## Information
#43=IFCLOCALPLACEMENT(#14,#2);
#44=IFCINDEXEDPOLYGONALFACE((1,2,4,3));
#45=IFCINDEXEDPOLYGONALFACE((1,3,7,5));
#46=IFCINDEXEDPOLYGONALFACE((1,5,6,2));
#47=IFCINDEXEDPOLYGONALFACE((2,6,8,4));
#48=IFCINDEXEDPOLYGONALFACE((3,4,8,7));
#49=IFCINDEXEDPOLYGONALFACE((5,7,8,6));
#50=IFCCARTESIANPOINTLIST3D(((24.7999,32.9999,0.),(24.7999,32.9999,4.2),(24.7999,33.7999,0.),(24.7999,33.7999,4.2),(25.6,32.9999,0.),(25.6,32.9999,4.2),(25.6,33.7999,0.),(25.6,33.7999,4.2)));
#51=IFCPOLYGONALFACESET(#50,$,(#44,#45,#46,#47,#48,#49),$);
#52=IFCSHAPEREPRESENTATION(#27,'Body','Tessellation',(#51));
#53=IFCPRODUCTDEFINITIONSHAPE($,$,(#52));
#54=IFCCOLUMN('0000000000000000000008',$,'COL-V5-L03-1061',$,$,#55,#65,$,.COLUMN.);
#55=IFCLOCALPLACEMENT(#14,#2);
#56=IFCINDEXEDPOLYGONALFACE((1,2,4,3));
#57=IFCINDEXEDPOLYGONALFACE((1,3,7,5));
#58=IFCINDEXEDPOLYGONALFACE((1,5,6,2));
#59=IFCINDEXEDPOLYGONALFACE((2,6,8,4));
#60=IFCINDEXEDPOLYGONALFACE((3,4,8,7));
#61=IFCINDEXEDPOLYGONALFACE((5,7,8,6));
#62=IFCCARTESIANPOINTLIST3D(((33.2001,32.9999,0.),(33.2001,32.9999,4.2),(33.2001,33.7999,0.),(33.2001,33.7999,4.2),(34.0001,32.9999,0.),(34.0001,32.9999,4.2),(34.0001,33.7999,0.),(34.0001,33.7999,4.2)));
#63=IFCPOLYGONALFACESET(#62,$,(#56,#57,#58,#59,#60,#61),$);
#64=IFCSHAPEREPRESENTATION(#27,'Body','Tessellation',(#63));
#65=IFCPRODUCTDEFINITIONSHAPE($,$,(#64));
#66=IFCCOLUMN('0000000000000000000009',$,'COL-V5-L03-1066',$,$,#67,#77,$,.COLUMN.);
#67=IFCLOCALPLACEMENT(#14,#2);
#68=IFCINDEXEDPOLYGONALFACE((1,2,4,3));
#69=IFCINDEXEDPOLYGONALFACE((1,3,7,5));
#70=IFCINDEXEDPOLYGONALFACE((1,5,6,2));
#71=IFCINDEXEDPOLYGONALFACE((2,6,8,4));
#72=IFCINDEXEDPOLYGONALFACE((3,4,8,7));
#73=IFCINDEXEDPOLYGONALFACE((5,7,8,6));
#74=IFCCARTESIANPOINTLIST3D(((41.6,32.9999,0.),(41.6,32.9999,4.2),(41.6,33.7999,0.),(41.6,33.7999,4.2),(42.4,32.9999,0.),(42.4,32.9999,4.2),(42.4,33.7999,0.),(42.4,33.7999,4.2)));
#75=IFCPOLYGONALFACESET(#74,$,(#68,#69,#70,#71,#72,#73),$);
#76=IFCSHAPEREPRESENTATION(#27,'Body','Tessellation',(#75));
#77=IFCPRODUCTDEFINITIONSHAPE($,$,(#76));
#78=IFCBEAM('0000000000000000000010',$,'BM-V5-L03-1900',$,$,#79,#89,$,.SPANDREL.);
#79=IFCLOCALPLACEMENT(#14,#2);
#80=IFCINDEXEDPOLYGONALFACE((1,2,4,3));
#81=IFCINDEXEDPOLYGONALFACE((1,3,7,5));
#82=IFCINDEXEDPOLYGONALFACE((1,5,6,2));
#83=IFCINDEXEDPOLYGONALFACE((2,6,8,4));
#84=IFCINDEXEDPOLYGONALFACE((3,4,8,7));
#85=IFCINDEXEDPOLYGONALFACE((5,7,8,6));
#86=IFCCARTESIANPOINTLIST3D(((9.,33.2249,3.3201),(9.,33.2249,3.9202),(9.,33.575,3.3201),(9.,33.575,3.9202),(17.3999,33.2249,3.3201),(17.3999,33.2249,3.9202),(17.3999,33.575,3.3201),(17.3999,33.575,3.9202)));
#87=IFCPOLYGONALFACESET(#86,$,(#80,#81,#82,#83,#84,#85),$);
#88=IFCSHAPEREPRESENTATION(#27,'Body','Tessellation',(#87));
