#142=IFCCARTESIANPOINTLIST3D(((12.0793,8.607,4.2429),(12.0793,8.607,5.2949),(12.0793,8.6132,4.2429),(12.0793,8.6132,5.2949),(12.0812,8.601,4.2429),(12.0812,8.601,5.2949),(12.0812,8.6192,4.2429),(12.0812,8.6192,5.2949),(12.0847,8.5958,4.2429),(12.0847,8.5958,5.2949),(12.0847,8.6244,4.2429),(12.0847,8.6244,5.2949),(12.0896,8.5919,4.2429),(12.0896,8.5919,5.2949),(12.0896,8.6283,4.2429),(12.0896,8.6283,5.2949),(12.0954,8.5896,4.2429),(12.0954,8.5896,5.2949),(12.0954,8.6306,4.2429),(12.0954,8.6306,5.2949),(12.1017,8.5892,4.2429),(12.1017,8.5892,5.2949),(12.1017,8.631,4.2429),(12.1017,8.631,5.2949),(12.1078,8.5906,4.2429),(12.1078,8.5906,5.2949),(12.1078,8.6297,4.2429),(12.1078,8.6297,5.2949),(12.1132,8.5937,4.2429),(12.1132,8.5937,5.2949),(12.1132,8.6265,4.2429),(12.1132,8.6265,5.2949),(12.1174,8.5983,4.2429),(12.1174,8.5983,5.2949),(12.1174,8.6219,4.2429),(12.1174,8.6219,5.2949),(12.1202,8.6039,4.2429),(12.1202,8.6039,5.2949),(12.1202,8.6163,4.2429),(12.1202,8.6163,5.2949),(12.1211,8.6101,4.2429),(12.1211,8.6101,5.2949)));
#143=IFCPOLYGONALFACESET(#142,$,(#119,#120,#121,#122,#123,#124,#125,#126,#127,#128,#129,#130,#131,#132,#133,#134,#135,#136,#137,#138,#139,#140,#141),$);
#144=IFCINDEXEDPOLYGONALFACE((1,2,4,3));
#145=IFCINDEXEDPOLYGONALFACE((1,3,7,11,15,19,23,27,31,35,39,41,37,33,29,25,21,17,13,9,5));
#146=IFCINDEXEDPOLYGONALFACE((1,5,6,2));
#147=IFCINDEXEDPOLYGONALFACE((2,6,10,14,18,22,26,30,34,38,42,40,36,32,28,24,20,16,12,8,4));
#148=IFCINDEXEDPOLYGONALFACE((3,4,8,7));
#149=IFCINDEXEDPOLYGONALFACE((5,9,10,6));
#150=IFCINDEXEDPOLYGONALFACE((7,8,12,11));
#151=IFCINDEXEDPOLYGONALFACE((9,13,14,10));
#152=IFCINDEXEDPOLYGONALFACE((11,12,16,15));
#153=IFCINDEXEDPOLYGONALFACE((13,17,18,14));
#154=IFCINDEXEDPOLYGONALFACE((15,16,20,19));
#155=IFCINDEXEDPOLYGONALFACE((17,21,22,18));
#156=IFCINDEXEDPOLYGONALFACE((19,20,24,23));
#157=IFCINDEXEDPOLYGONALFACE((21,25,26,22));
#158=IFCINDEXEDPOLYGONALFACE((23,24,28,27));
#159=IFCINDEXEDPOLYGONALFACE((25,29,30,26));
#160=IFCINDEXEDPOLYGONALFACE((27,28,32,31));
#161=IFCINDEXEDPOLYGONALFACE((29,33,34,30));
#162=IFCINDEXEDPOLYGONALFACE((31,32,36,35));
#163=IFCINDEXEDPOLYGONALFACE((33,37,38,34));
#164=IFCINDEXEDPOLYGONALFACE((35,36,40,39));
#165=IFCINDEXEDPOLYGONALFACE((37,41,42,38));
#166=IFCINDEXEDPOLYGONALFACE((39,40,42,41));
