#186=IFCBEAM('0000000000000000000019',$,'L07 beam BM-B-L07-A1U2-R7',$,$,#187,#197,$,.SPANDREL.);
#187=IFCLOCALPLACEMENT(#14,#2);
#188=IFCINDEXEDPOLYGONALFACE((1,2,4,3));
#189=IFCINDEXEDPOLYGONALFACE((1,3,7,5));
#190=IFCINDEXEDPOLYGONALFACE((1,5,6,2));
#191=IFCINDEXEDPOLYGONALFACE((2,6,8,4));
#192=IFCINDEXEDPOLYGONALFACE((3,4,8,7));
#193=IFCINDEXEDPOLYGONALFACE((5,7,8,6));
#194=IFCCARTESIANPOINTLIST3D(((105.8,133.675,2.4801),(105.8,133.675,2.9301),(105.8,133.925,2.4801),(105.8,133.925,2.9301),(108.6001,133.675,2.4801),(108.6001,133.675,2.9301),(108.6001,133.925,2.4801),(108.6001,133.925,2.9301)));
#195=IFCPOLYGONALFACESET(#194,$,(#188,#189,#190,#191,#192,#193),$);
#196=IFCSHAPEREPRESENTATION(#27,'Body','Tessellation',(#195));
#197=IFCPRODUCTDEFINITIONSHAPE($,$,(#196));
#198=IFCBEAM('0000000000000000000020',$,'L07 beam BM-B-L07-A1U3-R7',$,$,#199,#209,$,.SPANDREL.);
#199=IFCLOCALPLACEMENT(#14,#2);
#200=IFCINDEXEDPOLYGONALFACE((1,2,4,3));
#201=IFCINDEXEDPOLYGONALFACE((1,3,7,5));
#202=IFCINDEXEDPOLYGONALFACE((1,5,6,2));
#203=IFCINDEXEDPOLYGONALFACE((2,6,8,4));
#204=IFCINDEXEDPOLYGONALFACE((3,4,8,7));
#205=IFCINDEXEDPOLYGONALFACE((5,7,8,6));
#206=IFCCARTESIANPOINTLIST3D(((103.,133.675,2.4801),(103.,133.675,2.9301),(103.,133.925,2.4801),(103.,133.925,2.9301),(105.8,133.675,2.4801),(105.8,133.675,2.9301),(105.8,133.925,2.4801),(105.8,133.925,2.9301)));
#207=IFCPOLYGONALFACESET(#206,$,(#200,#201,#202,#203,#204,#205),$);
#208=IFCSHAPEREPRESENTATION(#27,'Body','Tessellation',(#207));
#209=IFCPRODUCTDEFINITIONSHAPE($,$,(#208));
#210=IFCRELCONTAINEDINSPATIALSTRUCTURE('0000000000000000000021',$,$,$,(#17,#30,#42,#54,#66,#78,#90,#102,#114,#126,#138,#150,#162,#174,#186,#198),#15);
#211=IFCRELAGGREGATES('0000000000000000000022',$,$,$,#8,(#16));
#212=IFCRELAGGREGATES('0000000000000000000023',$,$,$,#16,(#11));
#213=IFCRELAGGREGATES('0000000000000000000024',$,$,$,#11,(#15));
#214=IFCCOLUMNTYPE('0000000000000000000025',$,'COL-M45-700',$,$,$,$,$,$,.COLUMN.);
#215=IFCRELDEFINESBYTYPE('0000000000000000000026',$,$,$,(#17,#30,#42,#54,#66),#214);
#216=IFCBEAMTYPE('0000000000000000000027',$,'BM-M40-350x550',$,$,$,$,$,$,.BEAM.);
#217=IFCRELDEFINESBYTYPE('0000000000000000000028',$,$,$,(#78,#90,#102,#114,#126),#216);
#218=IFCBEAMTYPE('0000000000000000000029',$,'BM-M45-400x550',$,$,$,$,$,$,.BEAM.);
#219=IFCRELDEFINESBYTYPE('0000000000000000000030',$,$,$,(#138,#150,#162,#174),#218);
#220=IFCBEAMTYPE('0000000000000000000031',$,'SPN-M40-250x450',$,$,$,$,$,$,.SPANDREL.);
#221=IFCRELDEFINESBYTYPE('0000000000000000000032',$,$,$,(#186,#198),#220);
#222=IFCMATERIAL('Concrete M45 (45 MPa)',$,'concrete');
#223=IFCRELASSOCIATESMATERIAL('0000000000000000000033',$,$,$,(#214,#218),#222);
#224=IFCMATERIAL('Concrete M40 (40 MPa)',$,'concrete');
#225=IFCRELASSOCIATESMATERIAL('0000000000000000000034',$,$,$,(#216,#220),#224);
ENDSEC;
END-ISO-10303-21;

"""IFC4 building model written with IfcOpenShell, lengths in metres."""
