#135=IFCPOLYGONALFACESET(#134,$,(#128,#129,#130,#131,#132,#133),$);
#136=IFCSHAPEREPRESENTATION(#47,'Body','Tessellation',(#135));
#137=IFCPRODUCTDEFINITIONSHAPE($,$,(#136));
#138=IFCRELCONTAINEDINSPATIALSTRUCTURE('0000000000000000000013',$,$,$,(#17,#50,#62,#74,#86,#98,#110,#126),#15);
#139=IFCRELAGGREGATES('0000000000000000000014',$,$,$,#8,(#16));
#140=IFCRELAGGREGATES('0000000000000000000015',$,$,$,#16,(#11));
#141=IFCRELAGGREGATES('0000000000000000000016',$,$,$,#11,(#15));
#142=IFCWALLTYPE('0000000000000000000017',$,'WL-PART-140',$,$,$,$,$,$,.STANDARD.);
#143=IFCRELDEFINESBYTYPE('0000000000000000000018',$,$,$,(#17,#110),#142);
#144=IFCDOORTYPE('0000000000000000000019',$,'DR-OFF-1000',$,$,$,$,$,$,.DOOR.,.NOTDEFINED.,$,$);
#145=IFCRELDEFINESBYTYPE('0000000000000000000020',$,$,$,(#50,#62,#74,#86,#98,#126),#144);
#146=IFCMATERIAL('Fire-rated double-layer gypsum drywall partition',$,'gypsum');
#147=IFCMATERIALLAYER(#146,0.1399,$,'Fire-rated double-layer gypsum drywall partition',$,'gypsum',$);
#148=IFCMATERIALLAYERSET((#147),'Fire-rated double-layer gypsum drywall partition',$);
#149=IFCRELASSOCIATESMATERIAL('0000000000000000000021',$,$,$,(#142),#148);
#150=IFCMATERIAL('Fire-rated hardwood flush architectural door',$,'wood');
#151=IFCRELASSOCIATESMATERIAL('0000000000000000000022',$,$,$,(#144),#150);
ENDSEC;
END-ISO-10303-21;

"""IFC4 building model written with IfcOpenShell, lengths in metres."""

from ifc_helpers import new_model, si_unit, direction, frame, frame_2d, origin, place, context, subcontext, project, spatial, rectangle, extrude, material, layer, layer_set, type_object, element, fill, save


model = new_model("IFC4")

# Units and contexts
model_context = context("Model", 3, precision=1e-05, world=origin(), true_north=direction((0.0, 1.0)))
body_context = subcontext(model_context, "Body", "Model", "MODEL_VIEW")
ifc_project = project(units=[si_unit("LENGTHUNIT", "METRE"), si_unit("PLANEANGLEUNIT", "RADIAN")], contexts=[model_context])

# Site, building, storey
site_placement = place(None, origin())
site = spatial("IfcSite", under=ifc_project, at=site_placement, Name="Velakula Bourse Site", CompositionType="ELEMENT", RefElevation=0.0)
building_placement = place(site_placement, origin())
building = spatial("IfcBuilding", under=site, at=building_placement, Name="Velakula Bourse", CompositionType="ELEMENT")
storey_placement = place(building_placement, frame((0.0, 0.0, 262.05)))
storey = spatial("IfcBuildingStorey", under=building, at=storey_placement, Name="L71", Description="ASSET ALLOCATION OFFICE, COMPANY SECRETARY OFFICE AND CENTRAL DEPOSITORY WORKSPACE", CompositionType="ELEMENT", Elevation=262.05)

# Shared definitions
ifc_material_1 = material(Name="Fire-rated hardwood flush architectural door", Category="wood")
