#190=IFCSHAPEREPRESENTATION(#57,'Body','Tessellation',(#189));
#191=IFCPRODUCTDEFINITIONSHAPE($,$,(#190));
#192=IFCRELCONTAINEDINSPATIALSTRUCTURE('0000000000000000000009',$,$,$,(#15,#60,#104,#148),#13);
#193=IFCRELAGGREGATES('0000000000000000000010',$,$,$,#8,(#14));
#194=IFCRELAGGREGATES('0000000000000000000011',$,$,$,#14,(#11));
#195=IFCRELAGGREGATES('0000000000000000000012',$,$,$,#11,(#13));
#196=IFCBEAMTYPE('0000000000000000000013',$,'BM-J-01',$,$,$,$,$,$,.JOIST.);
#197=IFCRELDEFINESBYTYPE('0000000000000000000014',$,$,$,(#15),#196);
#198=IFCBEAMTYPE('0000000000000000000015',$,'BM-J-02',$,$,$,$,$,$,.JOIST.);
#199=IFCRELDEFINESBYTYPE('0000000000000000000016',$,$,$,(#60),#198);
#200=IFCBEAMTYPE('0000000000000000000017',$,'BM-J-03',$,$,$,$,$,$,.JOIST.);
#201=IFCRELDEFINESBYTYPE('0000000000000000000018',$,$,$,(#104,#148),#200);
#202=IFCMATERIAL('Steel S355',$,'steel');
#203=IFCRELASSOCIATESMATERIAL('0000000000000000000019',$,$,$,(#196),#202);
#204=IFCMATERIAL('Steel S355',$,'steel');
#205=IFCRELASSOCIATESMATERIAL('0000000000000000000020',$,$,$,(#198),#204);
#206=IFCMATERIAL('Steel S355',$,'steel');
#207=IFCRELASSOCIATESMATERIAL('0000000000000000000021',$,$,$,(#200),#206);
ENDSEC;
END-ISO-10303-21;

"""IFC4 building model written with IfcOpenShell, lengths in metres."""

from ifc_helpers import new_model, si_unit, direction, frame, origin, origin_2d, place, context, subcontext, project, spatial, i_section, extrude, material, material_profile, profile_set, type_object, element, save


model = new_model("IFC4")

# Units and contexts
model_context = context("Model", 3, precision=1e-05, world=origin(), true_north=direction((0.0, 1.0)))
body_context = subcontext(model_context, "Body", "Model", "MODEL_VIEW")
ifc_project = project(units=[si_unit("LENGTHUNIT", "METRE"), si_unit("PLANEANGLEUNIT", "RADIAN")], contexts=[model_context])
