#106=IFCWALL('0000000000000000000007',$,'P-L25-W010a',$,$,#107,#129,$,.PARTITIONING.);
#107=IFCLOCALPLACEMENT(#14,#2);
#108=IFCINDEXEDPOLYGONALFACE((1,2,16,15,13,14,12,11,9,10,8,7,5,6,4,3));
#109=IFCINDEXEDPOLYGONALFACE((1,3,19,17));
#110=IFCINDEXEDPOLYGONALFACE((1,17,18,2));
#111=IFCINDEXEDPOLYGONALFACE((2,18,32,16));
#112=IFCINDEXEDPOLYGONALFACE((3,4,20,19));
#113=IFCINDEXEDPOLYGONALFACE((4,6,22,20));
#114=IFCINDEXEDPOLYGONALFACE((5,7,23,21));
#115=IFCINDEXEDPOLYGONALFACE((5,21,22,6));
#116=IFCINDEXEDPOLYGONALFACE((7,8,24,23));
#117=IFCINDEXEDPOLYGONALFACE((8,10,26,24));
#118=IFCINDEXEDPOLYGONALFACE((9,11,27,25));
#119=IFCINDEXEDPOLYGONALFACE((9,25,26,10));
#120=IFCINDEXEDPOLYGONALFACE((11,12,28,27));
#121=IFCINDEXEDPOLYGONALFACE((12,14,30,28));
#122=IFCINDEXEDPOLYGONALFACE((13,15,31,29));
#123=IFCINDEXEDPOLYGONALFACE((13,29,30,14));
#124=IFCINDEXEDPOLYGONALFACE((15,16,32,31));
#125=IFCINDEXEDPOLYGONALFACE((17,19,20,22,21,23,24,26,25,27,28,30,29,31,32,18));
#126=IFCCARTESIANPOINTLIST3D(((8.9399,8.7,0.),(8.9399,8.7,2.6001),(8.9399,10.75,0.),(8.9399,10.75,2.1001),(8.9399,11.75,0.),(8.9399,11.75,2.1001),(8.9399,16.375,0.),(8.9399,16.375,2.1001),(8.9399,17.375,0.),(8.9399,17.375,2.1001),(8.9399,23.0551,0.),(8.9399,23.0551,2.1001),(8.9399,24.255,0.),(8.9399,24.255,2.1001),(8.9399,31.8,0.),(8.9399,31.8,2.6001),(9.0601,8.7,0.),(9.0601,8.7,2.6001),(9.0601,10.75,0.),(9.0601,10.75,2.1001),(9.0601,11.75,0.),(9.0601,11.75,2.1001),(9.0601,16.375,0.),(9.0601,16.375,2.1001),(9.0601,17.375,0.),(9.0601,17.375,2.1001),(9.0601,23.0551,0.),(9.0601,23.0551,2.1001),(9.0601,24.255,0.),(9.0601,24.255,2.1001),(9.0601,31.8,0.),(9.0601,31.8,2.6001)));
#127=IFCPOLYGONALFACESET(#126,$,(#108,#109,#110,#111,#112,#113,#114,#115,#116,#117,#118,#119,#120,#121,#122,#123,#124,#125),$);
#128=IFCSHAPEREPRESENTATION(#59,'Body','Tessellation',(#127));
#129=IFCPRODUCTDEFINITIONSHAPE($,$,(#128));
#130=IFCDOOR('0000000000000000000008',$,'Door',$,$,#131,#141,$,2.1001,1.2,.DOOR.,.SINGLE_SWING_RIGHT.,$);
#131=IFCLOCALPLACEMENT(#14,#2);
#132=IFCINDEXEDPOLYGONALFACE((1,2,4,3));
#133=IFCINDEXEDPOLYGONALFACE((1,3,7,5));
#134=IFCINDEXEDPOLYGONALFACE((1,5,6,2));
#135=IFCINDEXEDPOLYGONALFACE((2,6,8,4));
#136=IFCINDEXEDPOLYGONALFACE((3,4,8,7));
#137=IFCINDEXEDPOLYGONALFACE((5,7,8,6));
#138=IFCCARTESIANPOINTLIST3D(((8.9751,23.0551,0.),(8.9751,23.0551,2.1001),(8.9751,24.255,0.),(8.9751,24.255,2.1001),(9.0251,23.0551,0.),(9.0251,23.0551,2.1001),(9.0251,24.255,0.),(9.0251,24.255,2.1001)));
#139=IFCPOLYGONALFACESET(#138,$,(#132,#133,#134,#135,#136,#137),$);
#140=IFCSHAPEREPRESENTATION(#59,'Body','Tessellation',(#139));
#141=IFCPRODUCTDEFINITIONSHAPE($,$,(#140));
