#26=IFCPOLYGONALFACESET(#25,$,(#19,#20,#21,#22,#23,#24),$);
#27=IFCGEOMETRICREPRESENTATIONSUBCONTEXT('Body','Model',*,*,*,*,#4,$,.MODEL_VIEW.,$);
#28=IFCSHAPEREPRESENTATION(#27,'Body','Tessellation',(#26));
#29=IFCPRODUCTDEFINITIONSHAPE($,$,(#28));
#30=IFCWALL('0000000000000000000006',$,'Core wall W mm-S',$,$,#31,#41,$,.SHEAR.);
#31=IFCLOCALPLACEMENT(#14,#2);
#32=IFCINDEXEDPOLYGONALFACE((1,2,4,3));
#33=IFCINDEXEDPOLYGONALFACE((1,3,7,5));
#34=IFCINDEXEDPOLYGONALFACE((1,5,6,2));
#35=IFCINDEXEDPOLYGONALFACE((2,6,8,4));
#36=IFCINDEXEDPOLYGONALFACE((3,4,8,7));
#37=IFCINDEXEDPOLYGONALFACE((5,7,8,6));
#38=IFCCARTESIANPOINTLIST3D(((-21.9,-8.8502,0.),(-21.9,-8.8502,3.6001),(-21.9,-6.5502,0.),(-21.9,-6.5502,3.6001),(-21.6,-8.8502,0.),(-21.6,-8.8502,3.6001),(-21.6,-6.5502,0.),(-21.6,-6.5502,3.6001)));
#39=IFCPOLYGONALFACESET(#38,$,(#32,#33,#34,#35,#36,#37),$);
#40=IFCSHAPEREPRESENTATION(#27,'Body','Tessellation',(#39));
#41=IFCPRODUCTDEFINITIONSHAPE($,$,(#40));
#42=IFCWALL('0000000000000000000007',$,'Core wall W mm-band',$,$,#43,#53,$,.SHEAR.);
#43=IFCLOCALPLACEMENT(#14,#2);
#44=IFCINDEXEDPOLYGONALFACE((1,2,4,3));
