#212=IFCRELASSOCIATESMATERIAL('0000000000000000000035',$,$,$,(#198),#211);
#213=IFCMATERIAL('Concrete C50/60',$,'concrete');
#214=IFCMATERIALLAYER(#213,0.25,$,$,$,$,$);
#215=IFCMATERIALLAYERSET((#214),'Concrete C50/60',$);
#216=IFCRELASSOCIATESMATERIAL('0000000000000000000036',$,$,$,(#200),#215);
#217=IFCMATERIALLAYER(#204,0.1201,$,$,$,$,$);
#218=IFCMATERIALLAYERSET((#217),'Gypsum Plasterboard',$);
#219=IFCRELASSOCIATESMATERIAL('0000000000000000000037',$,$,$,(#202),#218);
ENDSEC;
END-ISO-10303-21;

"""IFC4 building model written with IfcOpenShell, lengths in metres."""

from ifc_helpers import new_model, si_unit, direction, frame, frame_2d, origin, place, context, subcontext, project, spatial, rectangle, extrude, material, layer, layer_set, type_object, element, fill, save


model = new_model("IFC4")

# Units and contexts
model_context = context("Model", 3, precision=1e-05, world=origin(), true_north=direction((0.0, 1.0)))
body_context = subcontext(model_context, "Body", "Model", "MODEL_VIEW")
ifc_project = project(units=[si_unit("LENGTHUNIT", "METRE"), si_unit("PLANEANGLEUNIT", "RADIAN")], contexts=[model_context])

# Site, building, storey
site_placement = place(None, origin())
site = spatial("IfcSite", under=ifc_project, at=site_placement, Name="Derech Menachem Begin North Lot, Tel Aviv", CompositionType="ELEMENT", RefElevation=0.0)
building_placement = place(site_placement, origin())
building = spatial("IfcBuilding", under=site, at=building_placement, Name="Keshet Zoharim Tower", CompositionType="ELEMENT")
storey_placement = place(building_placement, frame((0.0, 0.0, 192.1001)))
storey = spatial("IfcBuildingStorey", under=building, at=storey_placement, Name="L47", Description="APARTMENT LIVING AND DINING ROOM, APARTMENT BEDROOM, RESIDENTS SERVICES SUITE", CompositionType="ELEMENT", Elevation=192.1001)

## Task directions
Take the first line of the material above as the start and the line that contains "#51=IFCPOLYGONALFACESET(#50,$,(#44,#45,#46,#47,#48,#49),$);" as the end. Output only that span, every line exactly as it stands.

## Problem solution
#43=IFCLOCALPLACEMENT(#14,#2);
#44=IFCINDEXEDPOLYGONALFACE((1,2,4,3));
#45=IFCINDEXEDPOLYGONALFACE((1,3,7,5));
#46=IFCINDEXEDPOLYGONALFACE((1,5,6,2));
#47=IFCINDEXEDPOLYGONALFACE((2,6,8,4));
#48=IFCINDEXEDPOLYGONALFACE((3,4,8,7));
#49=IFCINDEXEDPOLYGONALFACE((5,7,8,6));
#50=IFCCARTESIANPOINTLIST3D(((24.7999,32.9999,0.),(24.7999,32.9999,4.2),(24.7999,33.7999,0.),(24.7999,33.7999,4.2),(25.6,32.9999,0.),(25.6,32.9999,4.2),(25.6,33.7999,0.),(25.6,33.7999,4.2)));
#51=IFCPOLYGONALFACESET(#50,$,(#44,#45,#46,#47,#48,#49),$);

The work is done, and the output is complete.